Start of Provided entries

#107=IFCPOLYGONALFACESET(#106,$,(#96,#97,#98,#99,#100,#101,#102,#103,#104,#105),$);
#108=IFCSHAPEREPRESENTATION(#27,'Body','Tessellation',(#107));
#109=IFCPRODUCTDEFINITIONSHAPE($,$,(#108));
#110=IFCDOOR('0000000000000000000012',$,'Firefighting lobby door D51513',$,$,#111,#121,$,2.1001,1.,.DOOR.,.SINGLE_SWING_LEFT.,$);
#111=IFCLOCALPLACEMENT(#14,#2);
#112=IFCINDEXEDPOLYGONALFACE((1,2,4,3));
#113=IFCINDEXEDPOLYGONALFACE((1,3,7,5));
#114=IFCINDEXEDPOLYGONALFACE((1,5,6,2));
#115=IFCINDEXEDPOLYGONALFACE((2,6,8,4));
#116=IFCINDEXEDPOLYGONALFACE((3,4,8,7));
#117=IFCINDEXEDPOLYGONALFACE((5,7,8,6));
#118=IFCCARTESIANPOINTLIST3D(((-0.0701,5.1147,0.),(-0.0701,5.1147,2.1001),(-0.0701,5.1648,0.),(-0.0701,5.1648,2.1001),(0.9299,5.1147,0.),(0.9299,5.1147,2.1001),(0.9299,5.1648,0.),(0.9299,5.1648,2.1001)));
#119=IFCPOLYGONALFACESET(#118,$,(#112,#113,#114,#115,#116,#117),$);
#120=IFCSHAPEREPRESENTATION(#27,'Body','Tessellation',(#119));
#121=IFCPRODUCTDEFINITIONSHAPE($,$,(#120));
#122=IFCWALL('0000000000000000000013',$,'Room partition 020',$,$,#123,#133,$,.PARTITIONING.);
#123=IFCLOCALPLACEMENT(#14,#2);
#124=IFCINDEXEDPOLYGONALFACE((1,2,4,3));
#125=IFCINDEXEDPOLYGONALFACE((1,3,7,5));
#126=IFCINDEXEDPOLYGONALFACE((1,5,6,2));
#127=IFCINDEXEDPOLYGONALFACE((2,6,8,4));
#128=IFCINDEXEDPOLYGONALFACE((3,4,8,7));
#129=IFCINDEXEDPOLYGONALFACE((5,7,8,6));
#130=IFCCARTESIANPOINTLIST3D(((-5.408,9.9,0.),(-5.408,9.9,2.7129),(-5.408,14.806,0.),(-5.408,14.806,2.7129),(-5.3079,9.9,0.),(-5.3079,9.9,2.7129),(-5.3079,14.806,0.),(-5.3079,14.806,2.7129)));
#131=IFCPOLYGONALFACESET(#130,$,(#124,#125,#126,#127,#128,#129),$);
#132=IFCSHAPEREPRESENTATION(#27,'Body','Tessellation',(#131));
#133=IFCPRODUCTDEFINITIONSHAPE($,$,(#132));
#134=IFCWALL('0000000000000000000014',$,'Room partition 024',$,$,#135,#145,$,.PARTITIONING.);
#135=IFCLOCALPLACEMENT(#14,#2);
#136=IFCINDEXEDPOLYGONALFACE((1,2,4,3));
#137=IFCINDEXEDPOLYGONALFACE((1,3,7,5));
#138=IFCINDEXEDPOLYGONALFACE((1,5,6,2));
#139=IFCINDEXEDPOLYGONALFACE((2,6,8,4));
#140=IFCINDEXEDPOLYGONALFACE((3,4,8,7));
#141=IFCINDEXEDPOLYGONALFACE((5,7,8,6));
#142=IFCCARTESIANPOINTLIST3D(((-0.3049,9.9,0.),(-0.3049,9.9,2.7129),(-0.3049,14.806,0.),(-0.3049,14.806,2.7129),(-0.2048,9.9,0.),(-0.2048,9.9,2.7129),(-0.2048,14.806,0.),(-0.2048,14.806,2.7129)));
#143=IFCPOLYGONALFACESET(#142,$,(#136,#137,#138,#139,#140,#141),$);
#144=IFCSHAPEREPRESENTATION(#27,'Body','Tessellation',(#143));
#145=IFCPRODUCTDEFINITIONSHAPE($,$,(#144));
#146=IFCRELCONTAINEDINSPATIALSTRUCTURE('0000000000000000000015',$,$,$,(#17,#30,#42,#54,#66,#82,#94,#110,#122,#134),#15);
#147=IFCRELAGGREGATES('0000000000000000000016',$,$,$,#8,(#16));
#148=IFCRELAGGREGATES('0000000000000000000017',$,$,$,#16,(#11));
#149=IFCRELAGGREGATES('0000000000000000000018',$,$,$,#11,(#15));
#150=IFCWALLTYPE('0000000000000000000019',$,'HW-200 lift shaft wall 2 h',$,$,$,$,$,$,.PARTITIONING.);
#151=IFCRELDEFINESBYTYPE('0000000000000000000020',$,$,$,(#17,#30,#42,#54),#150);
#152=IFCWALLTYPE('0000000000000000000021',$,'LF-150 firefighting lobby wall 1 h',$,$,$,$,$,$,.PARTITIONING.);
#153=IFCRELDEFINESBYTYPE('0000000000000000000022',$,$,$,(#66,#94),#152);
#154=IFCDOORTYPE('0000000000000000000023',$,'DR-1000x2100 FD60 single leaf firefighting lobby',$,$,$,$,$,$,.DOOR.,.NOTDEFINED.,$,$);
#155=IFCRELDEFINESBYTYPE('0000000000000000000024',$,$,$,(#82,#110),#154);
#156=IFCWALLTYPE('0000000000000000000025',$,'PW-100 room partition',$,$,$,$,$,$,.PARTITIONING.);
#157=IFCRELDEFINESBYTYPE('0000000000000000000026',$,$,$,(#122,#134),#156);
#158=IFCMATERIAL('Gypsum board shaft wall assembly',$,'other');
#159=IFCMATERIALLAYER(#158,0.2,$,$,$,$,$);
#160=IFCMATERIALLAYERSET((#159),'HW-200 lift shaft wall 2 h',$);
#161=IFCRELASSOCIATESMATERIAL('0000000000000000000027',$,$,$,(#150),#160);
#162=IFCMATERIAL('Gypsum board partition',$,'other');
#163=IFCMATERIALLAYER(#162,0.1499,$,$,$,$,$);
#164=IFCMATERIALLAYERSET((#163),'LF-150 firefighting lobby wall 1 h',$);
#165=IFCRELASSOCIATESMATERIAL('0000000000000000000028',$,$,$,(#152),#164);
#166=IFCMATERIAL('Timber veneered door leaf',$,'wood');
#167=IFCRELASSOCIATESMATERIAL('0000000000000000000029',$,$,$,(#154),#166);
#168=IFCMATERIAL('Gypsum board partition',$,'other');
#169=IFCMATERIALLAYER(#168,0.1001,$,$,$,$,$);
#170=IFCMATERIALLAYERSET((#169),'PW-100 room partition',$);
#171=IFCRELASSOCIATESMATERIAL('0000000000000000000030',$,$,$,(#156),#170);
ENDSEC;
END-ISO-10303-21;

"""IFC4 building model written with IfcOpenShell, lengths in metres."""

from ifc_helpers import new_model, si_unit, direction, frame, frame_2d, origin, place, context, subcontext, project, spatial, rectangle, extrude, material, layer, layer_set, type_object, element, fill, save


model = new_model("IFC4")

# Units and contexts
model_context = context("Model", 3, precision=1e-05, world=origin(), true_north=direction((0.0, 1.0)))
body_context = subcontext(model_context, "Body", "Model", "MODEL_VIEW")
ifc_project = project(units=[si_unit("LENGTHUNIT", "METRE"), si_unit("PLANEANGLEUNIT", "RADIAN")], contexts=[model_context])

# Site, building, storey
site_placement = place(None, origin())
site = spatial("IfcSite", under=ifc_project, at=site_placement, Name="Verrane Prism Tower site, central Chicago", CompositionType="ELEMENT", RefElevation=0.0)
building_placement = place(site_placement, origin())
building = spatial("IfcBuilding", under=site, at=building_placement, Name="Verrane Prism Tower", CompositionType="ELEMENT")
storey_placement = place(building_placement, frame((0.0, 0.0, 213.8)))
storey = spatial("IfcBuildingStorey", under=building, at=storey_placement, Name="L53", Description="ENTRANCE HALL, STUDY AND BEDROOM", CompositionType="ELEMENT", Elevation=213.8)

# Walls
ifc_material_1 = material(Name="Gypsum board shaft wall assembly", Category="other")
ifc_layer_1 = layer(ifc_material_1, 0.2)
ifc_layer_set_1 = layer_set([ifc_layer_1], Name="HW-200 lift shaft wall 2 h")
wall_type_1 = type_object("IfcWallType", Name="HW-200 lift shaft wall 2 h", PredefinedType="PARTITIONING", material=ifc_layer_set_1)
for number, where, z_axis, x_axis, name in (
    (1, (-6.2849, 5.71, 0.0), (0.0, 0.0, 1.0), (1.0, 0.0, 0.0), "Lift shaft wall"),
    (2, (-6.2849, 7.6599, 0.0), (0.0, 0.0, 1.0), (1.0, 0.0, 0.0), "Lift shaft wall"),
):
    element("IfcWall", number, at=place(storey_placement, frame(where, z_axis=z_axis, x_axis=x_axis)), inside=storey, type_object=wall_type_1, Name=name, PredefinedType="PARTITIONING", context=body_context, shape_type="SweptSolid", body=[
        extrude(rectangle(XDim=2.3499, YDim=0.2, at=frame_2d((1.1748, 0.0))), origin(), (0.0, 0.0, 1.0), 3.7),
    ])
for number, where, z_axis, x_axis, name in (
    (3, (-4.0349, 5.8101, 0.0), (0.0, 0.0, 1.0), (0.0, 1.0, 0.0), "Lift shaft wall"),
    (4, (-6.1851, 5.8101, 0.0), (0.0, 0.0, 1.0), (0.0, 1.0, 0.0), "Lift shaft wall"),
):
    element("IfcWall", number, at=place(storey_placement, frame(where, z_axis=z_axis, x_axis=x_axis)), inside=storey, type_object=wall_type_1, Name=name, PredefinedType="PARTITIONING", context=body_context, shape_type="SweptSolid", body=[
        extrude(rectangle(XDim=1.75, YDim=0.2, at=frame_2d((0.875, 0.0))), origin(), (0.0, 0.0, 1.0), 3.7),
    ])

End of Provided entries

## Exercise brief
Return all lines from the entries that contain the string "under".

## Answer box
site = spatial("IfcSite", under=ifc_project, at=site_placement, Name="Verrane Prism Tower site, central Chicago", CompositionType="ELEMENT", RefElevation=0.0)
building = spatial("IfcBuilding", under=site, at=building_placement, Name="Verrane Prism Tower", CompositionType="ELEMENT")
storey = spatial("IfcBuildingStorey", under=building, at=storey_placement, Name="L53", Description="ENTRANCE HALL, STUDY AND BEDROOM", CompositionType="ELEMENT", Elevation=213.8)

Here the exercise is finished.